■ Assigned task:
In your reply, reproduce the lines from the first one below to the line containing "#206=IFCMATERIAL('Vitreous china',$,'ceramic');", inclusive, exactly as they stand.

=== Source material ===

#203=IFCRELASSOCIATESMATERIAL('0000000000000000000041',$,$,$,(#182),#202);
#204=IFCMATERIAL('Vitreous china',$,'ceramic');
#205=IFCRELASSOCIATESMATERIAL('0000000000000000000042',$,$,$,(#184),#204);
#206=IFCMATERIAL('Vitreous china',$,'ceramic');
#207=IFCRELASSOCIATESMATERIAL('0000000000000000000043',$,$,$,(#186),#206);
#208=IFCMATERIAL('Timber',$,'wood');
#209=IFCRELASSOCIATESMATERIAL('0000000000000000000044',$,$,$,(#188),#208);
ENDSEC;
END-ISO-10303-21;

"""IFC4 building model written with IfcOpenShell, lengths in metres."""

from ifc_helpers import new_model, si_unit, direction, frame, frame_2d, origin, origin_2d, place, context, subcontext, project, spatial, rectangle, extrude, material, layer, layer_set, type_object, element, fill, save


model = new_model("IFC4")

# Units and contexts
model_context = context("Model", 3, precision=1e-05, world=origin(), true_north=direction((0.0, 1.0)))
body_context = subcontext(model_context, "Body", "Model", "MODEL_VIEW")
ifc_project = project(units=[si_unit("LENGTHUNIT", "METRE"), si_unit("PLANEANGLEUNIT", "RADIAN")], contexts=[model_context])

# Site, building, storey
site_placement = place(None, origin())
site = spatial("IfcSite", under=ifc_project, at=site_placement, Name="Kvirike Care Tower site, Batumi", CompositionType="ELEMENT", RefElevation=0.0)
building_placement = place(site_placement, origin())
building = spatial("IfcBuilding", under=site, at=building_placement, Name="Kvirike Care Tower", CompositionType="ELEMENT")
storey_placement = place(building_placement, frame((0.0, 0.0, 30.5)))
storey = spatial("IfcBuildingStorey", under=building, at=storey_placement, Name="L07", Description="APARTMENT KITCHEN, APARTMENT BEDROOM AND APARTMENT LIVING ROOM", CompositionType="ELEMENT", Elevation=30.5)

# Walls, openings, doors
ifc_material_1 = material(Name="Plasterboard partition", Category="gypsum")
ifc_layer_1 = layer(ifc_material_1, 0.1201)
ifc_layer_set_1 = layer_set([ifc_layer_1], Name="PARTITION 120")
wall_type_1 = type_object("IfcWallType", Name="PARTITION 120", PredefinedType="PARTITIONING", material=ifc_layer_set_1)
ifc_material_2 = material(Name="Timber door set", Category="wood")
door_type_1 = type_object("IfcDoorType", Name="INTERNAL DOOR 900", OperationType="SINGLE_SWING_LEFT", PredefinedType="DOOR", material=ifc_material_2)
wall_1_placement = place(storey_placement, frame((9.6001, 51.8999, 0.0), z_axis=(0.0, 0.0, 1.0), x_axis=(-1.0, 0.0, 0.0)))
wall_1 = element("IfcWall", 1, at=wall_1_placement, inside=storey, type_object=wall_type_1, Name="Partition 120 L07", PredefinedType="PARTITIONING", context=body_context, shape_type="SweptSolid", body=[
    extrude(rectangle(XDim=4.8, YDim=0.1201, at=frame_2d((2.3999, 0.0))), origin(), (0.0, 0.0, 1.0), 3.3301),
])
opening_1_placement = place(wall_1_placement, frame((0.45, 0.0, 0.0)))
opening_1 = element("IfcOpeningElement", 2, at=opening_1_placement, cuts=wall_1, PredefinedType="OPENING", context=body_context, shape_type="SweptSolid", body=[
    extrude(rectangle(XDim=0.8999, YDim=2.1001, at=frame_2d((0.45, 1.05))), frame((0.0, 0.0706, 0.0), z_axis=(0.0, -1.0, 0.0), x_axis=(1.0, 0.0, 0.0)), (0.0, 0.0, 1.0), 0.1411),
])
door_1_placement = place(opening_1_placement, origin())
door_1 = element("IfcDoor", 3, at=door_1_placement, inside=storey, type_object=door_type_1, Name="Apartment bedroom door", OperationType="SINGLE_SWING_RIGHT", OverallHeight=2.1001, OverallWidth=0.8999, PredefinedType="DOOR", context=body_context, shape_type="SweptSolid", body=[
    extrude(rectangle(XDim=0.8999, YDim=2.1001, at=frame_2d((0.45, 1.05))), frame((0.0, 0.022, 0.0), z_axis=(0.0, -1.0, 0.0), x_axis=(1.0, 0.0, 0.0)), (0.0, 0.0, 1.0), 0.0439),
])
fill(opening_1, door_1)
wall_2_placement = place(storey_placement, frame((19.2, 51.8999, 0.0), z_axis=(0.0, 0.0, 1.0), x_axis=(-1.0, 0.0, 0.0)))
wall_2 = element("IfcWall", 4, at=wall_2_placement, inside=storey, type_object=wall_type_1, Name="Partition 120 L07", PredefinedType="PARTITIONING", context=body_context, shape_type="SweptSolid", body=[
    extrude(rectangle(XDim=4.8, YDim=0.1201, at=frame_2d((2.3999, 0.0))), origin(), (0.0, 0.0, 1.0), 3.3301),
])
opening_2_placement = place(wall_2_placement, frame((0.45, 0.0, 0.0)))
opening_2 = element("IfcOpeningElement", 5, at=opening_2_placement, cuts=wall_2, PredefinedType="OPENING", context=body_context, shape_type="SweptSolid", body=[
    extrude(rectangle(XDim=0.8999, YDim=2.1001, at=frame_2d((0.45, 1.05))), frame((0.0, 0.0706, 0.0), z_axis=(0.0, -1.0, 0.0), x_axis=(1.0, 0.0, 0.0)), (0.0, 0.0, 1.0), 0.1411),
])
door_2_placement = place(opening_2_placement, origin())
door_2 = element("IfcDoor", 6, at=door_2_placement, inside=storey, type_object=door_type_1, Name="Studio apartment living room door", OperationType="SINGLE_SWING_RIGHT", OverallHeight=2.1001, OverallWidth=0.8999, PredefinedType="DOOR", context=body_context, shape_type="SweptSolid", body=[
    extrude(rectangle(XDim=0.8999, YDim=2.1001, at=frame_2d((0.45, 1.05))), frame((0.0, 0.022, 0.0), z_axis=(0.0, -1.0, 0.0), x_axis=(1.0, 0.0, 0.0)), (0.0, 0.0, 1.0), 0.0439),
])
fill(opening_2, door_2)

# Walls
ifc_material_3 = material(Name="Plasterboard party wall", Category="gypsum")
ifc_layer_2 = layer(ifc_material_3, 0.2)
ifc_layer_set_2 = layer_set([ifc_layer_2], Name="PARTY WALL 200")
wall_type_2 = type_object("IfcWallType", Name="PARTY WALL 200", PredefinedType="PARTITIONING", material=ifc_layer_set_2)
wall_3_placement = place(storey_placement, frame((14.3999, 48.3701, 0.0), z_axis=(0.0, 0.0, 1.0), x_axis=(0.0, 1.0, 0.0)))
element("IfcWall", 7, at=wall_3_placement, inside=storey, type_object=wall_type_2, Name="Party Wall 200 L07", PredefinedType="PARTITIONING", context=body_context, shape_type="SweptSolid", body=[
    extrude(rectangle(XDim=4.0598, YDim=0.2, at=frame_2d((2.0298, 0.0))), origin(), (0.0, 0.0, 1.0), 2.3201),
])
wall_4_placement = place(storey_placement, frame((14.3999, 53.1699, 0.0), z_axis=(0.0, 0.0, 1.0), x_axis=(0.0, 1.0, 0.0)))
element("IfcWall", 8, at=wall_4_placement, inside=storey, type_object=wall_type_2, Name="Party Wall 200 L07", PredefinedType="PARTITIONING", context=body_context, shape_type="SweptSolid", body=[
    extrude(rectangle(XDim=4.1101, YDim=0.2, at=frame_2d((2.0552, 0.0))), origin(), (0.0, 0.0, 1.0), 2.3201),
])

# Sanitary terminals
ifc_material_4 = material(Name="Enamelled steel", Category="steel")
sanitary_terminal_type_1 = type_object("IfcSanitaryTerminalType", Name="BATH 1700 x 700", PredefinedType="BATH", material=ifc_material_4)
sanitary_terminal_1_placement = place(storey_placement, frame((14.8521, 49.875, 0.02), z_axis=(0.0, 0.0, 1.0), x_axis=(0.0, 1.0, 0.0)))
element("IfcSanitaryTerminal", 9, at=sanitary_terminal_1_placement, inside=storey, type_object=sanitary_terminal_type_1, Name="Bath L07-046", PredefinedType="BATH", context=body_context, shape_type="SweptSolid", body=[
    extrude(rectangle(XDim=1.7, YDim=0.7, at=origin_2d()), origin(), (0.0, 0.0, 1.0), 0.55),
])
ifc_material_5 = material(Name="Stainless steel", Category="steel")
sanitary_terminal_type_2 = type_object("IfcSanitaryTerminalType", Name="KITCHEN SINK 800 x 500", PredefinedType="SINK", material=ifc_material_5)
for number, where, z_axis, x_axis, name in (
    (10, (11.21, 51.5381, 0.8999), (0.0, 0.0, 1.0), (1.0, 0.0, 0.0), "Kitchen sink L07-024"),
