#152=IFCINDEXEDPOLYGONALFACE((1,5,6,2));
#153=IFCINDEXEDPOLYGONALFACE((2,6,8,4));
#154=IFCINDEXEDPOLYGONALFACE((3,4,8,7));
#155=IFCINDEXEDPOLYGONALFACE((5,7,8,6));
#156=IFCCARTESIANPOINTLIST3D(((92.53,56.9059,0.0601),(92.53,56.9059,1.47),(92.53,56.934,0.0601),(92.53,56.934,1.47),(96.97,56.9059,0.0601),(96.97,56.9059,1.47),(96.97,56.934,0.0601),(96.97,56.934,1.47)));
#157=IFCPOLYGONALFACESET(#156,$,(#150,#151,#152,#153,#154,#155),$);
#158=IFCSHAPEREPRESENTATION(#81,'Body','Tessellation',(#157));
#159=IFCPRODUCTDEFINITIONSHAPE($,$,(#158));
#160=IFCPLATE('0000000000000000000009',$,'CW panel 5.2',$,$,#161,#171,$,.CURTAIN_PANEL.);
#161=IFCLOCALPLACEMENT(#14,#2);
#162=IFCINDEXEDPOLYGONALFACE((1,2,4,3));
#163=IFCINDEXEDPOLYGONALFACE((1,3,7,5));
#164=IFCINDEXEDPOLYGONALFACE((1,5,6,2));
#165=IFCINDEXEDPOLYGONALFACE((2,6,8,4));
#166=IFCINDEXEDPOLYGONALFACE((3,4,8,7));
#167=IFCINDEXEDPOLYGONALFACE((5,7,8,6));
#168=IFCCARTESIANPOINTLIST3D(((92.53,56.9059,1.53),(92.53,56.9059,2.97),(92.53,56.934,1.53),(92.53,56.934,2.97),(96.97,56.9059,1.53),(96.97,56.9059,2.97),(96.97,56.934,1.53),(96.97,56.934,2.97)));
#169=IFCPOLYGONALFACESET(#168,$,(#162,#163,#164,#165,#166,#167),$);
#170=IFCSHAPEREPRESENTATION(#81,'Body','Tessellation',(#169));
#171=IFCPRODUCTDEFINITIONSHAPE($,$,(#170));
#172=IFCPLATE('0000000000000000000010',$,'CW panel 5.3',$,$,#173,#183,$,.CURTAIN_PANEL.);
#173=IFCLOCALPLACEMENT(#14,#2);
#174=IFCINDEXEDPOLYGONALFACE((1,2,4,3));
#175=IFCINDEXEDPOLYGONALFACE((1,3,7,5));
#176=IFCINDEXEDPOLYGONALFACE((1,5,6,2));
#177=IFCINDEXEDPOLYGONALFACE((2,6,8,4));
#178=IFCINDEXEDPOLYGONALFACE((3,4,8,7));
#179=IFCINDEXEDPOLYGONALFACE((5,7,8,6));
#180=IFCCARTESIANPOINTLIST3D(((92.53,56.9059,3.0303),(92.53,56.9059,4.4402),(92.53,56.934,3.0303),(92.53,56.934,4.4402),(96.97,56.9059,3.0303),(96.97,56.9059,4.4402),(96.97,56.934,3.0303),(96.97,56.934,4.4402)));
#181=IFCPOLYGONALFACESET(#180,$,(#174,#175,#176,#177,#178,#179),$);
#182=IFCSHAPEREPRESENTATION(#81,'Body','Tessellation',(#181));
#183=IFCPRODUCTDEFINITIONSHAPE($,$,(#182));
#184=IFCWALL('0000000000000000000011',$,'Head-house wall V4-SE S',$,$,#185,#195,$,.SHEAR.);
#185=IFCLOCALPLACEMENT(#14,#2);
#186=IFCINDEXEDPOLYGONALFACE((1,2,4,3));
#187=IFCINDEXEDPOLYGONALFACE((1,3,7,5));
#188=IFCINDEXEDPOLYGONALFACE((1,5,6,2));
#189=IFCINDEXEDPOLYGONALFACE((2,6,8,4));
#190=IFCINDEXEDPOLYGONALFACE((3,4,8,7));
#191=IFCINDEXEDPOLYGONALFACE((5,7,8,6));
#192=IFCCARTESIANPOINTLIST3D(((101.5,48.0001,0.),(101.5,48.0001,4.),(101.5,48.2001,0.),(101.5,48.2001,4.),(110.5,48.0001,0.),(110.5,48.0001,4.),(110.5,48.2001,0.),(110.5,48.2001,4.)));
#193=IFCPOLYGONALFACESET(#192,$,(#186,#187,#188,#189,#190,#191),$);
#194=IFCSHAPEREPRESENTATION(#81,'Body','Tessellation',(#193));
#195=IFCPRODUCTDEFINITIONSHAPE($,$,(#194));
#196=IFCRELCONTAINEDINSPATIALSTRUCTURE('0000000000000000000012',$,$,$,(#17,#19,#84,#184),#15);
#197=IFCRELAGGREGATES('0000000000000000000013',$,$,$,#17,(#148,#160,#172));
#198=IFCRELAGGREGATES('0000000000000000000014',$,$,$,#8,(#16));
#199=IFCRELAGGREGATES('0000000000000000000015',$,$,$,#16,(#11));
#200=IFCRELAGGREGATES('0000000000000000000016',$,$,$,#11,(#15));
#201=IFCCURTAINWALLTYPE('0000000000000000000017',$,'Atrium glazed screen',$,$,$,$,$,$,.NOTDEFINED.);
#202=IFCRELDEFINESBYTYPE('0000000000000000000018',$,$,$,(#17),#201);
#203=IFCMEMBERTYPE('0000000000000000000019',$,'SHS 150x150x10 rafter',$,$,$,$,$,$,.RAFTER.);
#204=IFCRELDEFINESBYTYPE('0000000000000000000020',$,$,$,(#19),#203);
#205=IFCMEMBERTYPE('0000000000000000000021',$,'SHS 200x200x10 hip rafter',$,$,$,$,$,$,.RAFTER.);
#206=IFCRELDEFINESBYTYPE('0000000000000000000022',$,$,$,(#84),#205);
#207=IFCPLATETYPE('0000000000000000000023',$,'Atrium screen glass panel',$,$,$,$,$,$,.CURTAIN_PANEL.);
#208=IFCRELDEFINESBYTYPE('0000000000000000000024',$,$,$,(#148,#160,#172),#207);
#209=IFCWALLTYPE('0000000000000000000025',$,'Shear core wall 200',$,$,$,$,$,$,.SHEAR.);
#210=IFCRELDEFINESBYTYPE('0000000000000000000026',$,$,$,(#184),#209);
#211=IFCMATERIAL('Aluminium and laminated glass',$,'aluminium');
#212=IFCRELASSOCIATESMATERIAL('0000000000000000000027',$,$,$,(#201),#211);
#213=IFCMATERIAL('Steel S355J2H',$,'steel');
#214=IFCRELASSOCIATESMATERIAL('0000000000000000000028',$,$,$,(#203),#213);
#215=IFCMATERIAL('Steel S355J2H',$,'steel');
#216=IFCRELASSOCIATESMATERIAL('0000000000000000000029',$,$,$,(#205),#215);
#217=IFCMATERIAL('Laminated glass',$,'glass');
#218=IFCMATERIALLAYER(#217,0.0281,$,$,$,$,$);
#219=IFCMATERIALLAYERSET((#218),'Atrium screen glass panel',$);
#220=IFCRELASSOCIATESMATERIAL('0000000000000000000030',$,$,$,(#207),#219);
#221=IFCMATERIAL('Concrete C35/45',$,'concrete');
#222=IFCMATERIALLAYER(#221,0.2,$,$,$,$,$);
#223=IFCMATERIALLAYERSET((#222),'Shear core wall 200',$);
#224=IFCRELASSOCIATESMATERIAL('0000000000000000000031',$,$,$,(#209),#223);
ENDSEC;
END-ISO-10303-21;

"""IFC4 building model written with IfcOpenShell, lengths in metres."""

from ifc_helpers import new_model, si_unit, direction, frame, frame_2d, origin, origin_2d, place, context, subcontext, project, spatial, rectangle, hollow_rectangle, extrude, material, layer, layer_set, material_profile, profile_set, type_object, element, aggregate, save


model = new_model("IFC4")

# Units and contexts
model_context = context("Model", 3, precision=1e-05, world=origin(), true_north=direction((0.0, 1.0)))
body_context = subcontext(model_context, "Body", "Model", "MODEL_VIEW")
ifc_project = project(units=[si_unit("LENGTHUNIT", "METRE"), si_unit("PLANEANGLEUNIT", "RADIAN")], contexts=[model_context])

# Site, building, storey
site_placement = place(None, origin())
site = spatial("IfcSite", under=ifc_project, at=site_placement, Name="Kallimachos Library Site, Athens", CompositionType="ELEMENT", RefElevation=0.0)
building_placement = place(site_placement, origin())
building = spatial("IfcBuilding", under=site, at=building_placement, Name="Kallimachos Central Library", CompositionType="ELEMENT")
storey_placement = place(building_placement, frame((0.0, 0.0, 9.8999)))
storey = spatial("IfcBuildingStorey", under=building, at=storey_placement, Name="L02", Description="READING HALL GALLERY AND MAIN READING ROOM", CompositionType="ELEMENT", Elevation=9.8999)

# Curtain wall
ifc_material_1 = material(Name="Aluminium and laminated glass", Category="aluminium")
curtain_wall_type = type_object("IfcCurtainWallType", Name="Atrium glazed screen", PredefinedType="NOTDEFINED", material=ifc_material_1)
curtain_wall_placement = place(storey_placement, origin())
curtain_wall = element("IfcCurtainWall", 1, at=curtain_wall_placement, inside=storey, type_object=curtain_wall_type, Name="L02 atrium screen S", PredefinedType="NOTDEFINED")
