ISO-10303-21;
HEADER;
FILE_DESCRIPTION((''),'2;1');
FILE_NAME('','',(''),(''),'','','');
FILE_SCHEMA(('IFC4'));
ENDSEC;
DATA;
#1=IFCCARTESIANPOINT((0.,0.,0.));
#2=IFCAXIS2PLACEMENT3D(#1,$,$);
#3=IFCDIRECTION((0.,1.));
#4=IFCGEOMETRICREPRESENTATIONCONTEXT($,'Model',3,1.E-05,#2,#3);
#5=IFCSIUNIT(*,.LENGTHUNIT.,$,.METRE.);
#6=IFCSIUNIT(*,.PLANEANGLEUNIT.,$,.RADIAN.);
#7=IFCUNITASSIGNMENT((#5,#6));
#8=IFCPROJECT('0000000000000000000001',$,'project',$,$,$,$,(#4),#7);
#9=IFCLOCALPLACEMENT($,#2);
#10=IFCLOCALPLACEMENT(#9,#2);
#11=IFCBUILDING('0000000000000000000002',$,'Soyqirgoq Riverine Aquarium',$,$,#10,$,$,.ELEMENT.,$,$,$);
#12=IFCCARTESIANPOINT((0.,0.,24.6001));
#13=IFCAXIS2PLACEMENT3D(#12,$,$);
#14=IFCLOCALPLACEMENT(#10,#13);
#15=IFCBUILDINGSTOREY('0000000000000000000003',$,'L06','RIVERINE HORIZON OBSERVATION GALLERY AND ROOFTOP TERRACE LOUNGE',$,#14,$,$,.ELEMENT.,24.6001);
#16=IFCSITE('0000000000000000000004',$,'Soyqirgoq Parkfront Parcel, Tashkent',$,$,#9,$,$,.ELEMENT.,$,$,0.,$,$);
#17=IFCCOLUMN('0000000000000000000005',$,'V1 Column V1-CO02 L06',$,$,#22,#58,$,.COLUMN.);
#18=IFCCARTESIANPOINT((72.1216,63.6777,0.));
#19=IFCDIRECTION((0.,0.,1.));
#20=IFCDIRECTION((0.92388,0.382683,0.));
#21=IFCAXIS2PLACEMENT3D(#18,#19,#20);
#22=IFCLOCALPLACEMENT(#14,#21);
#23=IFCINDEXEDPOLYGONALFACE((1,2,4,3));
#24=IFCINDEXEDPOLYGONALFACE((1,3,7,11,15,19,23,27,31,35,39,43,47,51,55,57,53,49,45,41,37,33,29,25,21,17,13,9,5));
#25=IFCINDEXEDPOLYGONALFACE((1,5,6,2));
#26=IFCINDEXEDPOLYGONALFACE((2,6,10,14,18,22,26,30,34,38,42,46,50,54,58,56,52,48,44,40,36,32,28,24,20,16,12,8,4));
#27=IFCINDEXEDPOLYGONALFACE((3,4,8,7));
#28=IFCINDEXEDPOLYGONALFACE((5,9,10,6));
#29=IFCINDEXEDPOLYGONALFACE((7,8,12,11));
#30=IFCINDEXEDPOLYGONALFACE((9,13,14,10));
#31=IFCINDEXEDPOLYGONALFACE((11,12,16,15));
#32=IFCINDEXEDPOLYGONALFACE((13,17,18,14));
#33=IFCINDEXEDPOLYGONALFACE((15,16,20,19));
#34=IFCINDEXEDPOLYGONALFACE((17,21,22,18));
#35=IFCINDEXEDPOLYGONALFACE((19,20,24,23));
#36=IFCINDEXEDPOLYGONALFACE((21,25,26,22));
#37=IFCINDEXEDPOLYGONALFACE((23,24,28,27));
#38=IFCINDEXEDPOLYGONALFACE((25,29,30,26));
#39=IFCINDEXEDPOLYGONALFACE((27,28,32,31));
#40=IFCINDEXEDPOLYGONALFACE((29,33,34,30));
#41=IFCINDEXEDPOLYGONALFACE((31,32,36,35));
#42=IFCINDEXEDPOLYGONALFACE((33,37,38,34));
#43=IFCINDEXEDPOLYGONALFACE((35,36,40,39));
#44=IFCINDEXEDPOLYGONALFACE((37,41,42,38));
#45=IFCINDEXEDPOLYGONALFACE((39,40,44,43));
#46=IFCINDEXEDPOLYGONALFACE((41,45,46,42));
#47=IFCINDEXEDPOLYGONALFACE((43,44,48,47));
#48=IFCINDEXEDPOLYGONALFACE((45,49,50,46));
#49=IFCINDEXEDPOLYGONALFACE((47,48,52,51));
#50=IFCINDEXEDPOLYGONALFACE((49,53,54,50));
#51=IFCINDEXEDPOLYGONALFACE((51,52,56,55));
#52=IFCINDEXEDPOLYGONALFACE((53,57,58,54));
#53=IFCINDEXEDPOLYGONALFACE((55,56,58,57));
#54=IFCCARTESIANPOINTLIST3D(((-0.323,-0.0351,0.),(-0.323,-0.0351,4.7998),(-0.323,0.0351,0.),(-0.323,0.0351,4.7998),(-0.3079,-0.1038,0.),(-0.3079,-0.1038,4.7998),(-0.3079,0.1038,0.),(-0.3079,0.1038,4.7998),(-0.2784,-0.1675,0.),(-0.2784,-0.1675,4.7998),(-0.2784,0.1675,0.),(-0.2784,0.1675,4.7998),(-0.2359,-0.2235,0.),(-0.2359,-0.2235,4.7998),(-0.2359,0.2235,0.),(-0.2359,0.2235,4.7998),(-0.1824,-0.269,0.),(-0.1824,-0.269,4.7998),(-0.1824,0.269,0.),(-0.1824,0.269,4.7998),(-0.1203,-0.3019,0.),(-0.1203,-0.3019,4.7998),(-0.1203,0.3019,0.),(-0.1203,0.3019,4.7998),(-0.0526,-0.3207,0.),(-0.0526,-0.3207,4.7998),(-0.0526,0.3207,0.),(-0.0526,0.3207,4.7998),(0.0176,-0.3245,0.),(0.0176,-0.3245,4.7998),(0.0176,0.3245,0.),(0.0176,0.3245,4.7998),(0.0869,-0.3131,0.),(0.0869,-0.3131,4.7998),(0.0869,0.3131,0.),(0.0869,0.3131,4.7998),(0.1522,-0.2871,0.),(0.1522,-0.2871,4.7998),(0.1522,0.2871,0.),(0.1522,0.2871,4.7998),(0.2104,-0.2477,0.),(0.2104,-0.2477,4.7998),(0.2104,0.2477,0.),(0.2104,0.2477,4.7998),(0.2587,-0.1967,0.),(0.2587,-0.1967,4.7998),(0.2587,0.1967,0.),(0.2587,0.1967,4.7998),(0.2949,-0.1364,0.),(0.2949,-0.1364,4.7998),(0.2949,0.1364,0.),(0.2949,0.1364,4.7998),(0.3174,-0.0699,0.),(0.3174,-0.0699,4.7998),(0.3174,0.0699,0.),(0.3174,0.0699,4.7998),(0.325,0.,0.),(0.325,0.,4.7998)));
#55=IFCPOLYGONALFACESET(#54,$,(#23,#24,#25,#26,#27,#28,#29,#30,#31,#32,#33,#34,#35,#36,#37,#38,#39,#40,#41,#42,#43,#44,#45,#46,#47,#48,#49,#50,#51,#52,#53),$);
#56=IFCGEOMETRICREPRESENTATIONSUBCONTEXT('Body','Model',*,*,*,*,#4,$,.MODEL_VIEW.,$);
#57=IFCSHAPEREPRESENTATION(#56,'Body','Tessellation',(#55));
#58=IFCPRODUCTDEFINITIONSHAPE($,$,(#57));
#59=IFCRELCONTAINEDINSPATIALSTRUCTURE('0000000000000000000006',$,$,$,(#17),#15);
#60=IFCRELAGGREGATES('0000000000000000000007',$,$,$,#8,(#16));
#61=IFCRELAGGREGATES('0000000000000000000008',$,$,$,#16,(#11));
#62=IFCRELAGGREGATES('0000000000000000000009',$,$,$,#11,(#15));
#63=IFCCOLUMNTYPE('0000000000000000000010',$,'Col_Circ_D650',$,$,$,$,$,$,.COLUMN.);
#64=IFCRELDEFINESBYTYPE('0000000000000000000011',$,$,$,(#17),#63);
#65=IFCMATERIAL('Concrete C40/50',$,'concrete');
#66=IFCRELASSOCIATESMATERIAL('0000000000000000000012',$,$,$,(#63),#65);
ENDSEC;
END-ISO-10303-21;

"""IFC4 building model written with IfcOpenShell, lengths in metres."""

from ifc_helpers import new_model, si_unit, direction, frame, origin, origin_2d, place, context, subcontext, project, spatial, circle, extrude, material, material_profile, profile_set, type_object, element, save


model = new_model("IFC4")

# Units and contexts
model_context = context("Model", 3, precision=1e-05, world=origin(), true_north=direction((0.0, 1.0)))
body_context = subcontext(model_context, "Body", "Model", "MODEL_VIEW")
ifc_project = project(units=[si_unit("LENGTHUNIT", "METRE"), si_unit("PLANEANGLEUNIT", "RADIAN")], contexts=[model_context])

# Site, building, storey
site_placement = place(None, origin())
site = spatial("IfcSite", under=ifc_project, at=site_placement, Name="Soyqirgoq Parkfront Parcel, Tashkent", CompositionType="ELEMENT", RefElevation=0.0)
building_placement = place(site_placement, origin())
building = spatial("IfcBuilding", under=site, at=building_placement, Name="Soyqirgoq Riverine Aquarium", CompositionType="ELEMENT")
storey_placement = place(building_placement, frame((0.0, 0.0, 24.6001)))
storey = spatial("IfcBuildingStorey", under=building, at=storey_placement, Name="L06", Description="RIVERINE HORIZON OBSERVATION GALLERY AND ROOFTOP TERRACE LOUNGE", CompositionType="ELEMENT", Elevation=24.6001)

# Column
ifc_material_1 = material(Name="Concrete C40/50", Category="concrete")
ifc_material_profile_1 = material_profile(ifc_material_1, circle(Radius=0.325, at=origin_2d()), Name="RC-COL D650")
ifc_profile_set_1 = profile_set([ifc_material_profile_1], Name="Concrete C40/50")
column_type = type_object("IfcColumnType", Name="Col_Circ_D650", PredefinedType="COLUMN", material=ifc_profile_set_1)
column_placement = place(storey_placement, frame((72.1216, 63.6777, 0.0), z_axis=(0.0, 0.0, 1.0), x_axis=(0.92388, 0.382683, 0.0)))
element("IfcColumn", 1, at=column_placement, inside=storey, type_object=column_type, Name="V1 Column V1-CO02 L06", PredefinedType="COLUMN", context=body_context, shape_type="SweptSolid", body=[
    extrude(circle(Radius=0.325, at=origin_2d()), origin(), (0.0, 0.0, 1.0), 4.7998),
])

save(model, "model.ifc")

===

■ Task answer:
#203=IFCRELASSOCIATESMATERIAL('0000000000000000000041',$,$,$,(#182),#202);
#204=IFCMATERIAL('Vitreous china',$,'ceramic');
#205=IFCRELASSOCIATESMATERIAL('0000000000000000000042',$,$,$,(#184),#204);
#206=IFCMATERIAL('Vitreous china',$,'ceramic');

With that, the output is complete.